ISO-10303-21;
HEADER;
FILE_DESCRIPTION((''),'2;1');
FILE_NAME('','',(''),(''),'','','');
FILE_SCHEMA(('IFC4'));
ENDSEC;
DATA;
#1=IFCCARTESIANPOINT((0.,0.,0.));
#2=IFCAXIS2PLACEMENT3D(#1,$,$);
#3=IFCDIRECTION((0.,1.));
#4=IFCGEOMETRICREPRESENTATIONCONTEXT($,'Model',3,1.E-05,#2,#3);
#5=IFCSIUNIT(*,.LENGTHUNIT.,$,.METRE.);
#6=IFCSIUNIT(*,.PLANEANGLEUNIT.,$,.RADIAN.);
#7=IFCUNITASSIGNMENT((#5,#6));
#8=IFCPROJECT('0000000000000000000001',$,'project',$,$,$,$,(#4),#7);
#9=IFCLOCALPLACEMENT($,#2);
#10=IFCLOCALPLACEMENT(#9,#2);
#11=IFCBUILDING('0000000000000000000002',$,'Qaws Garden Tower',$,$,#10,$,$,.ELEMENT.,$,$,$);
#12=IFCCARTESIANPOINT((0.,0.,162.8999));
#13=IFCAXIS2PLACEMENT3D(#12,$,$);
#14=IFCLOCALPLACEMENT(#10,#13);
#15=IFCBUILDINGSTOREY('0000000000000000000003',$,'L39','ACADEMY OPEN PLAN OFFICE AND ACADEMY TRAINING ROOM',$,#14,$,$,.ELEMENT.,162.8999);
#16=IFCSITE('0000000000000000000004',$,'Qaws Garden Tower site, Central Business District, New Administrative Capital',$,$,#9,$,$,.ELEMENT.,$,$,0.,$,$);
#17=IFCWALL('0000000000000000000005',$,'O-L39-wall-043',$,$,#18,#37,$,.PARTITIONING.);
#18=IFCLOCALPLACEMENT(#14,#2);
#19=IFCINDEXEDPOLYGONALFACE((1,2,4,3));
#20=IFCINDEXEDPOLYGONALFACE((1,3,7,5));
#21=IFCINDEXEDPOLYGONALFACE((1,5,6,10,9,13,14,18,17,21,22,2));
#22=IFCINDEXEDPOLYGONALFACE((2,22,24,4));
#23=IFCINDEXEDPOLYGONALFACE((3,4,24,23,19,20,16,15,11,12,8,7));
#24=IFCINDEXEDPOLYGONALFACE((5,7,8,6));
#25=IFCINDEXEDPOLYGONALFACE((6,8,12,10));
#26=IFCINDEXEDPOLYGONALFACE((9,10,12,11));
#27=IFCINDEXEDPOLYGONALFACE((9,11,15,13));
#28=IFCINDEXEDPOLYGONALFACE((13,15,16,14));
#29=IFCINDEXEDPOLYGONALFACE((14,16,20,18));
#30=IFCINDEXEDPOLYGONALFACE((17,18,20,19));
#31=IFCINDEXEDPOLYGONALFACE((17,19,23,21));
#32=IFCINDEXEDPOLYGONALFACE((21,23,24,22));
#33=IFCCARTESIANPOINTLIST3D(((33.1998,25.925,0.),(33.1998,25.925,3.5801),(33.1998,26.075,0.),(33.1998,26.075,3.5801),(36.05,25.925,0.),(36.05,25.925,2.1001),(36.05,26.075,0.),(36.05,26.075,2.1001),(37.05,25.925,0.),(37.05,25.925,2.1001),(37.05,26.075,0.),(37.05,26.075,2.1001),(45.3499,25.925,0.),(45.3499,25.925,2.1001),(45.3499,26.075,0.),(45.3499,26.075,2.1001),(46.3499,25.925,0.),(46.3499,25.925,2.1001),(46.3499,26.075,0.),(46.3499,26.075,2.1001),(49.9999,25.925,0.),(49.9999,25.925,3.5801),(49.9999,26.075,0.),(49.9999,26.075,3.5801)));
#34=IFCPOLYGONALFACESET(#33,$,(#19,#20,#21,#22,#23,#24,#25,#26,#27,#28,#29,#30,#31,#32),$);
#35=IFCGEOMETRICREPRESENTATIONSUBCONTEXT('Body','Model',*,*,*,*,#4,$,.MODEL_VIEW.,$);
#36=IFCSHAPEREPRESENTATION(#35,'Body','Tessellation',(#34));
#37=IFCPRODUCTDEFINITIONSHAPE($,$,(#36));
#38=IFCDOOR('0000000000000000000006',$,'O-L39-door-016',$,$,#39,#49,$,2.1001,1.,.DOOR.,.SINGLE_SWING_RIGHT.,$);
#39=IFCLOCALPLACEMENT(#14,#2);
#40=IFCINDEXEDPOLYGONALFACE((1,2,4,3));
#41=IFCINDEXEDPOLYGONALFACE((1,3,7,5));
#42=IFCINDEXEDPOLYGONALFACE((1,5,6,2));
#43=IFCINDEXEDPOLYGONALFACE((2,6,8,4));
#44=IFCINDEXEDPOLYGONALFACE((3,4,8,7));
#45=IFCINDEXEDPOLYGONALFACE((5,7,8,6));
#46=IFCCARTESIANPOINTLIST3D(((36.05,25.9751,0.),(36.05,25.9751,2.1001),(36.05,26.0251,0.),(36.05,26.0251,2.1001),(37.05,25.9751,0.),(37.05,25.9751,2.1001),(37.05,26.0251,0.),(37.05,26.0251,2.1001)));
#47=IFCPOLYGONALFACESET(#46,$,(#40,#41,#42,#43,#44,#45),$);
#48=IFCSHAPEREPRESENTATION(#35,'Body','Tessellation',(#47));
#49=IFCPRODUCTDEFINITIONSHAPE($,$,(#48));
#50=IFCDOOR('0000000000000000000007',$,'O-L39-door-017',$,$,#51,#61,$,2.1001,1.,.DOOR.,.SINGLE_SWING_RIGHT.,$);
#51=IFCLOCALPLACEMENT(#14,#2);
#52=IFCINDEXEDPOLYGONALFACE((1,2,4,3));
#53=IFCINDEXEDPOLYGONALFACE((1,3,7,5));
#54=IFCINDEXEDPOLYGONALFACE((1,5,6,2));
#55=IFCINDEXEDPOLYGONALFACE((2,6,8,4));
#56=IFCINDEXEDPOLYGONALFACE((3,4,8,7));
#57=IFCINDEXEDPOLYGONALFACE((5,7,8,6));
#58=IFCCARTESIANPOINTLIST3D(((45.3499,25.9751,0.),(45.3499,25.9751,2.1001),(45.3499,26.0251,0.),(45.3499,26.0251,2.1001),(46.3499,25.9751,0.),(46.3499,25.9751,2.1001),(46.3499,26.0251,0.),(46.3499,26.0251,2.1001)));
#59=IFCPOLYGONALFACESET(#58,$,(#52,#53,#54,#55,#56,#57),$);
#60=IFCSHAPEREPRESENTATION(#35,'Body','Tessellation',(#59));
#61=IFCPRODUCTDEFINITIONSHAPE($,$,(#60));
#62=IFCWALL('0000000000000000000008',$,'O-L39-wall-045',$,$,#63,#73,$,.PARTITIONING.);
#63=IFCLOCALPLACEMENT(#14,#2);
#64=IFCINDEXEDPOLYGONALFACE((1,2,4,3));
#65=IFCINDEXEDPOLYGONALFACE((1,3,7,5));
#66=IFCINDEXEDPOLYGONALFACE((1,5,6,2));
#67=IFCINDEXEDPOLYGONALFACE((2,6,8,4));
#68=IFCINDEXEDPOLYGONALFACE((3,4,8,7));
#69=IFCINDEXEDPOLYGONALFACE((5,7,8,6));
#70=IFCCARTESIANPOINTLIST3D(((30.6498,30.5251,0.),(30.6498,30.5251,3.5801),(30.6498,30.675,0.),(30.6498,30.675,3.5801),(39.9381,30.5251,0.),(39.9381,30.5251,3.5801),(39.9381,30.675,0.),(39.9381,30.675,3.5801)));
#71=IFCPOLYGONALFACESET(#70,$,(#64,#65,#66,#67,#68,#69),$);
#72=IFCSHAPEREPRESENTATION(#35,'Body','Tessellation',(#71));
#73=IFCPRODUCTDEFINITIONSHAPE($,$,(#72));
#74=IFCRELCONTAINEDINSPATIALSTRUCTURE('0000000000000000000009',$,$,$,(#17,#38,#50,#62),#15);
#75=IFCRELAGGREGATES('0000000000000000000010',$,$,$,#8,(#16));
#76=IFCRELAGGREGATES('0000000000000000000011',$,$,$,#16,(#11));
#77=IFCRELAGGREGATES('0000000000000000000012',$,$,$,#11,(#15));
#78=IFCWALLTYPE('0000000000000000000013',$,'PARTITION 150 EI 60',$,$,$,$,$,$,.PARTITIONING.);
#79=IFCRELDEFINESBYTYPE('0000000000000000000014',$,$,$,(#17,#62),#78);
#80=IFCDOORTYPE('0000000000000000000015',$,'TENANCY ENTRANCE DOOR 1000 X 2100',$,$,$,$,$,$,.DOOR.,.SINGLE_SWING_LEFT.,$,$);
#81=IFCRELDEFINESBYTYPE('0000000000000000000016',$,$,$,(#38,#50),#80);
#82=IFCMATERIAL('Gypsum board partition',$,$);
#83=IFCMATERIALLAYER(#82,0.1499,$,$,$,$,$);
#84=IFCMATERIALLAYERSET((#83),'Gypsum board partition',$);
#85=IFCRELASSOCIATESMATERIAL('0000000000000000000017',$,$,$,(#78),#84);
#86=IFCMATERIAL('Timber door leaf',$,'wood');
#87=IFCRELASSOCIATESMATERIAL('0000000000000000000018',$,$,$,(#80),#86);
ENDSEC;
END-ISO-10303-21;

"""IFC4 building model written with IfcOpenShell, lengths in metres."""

from ifc_helpers import new_model, si_unit, direction, frame, frame_2d, origin, place, context, subcontext, project, spatial, rectangle, extrude, material, layer, layer_set, type_object, element, fill, save


model = new_model("IFC4")

# Units and contexts
model_context = context("Model", 3, precision=1e-05, world=origin(), true_north=direction((0.0, 1.0)))
body_context = subcontext(model_context, "Body", "Model", "MODEL_VIEW")
ifc_project = project(units=[si_unit("LENGTHUNIT", "METRE"), si_unit("PLANEANGLEUNIT", "RADIAN")], contexts=[model_context])

# Site, building, storey
site_placement = place(None, origin())
site = spatial("IfcSite", under=ifc_project, at=site_placement, Name="Qaws Garden Tower site, Central Business District, New Administrative Capital", CompositionType="ELEMENT", RefElevation=0.0)
building_placement = place(site_placement, origin())
building = spatial("IfcBuilding", under=site, at=building_placement, Name="Qaws Garden Tower", CompositionType="ELEMENT")
storey_placement = place(building_placement, frame((0.0, 0.0, 162.8999)))
storey = spatial("IfcBuildingStorey", under=building, at=storey_placement, Name="L39", Description="ACADEMY OPEN PLAN OFFICE AND ACADEMY TRAINING ROOM", CompositionType="ELEMENT", Elevation=162.8999)

# Shared definitions
ifc_material_1 = material(Name="Gypsum board partition")
ifc_layer_1 = layer(ifc_material_1, 0.1499)
ifc_layer_set_1 = layer_set([ifc_layer_1], Name="Gypsum board partition")
wall_type_1 = type_object("IfcWallType", Name="PARTITION 150 EI 60", PredefinedType="PARTITIONING", material=ifc_layer_set_1)

# Shared definitions
ifc_material_2 = material(Name="Timber door leaf", Category="wood")
door_type_1 = type_object("IfcDoorType", Name="TENANCY ENTRANCE DOOR 1000 X 2100", OperationType="SINGLE_SWING_LEFT", PredefinedType="DOOR", material=ifc_material_2)

# Wall, openings, doors
wall_1_placement = place(storey_placement, frame((33.2, 26.0, 0.0), z_axis=(0.0, 0.0, 1.0), x_axis=(1.0, 0.0, 0.0)))
wall_1 = element("IfcWall", 1, at=wall_1_placement, inside=storey, type_object=wall_type_1, Name="O-L39-wall-043", PredefinedType="PARTITIONING", context=body_context, shape_type="SweptSolid", body=[
    extrude(rectangle(XDim=16.8, YDim=0.1499, at=frame_2d((8.3999, 0.0))), origin(), (0.0, 0.0, 1.0), 3.5801),
])
opening_1_placement = place(wall_1_placement, frame((2.8501, 0.0, 0.0)))
opening_1 = element("IfcOpeningElement", 2, at=opening_1_placement, cuts=wall_1, PredefinedType="OPENING", context=body_context, shape_type="SweptSolid", body=[
    extrude(rectangle(XDim=1.0, YDim=2.1001, at=frame_2d((0.5, 1.05))), frame((0.0, 0.085, 0.0), z_axis=(0.0, -1.0, 0.0), x_axis=(1.0, 0.0, 0.0)), (0.0, 0.0, 1.0), 0.1699),
])
opening_2_placement = place(wall_1_placement, frame((12.1499, 0.0, 0.0)))
opening_2 = element("IfcOpeningElement", 3, at=opening_2_placement, cuts=wall_1, PredefinedType="OPENING", context=body_context, shape_type="SweptSolid", body=[
    extrude(rectangle(XDim=1.0, YDim=2.1001, at=frame_2d((0.5, 1.05))), frame((0.0, 0.085, 0.0), z_axis=(0.0, -1.0, 0.0), x_axis=(1.0, 0.0, 0.0)), (0.0, 0.0, 1.0), 0.1699),
])
door_1_placement = place(opening_1_placement, frame((1.0, 0.0, 0.0), z_axis=(0.0, 0.0, 1.0), x_axis=(-1.0, 0.0, 0.0)))
door_1 = element("IfcDoor", 4, at=door_1_placement, inside=storey, type_object=door_type_1, Name="O-L39-door-016", OperationType="SINGLE_SWING_RIGHT", OverallHeight=2.1001, OverallWidth=1.0, PredefinedType="DOOR", context=body_context, shape_type="SweptSolid", body=[
    extrude(rectangle(XDim=1.0, YDim=2.1001, at=frame_2d((0.5, 1.05))), frame((0.0, 0.0249, 0.0), z_axis=(0.0, -1.0, 0.0), x_axis=(1.0, 0.0, 0.0)), (0.0, 0.0, 1.0), 0.05),
])
fill(opening_1, door_1)
door_2_placement = place(opening_2_placement, frame((1.0, 0.0, 0.0), z_axis=(0.0, 0.0, 1.0), x_axis=(-1.0, 0.0, 0.0)))
door_2 = element("IfcDoor", 5, at=door_2_placement, inside=storey, type_object=door_type_1, Name="O-L39-door-017", OperationType="SINGLE_SWING_RIGHT", OverallHeight=2.1001, OverallWidth=1.0, PredefinedType="DOOR", context=body_context, shape_type="SweptSolid", body=[
    extrude(rectangle(XDim=1.0, YDim=2.1001, at=frame_2d((0.5, 1.05))), frame((0.0, 0.0249, 0.0), z_axis=(0.0, -1.0, 0.0), x_axis=(1.0, 0.0, 0.0)), (0.0, 0.0, 1.0), 0.05),
])
fill(opening_2, door_2)

# Wall
wall_2_placement = place(storey_placement, frame((30.6499, 30.6001, 0.0), z_axis=(0.0, 0.0, 1.0), x_axis=(1.0, 0.0, 0.0)))
element("IfcWall", 6, at=wall_2_placement, inside=storey, type_object=wall_type_1, Name="O-L39-wall-045", PredefinedType="PARTITIONING", context=body_context, shape_type="SweptSolid", body=[
    extrude(rectangle(XDim=9.2883, YDim=0.1499, at=frame_2d((4.644, 0.0))), origin(), (0.0, 0.0, 1.0), 3.5801),
])

save(model, "model.ifc")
****************
* Goal of the exercise *
In the records above, locate every line with the string "IFCRELAGGREGATES" and copy it.

* Response *
#75=IFCRELAGGREGATES('0000000000000000000010',$,$,$,#8,(#16));
#76=IFCRELAGGREGATES('0000000000000000000011',$,$,$,#16,(#11));
#77=IFCRELAGGREGATES('0000000000000000000012',$,$,$,#11,(#15));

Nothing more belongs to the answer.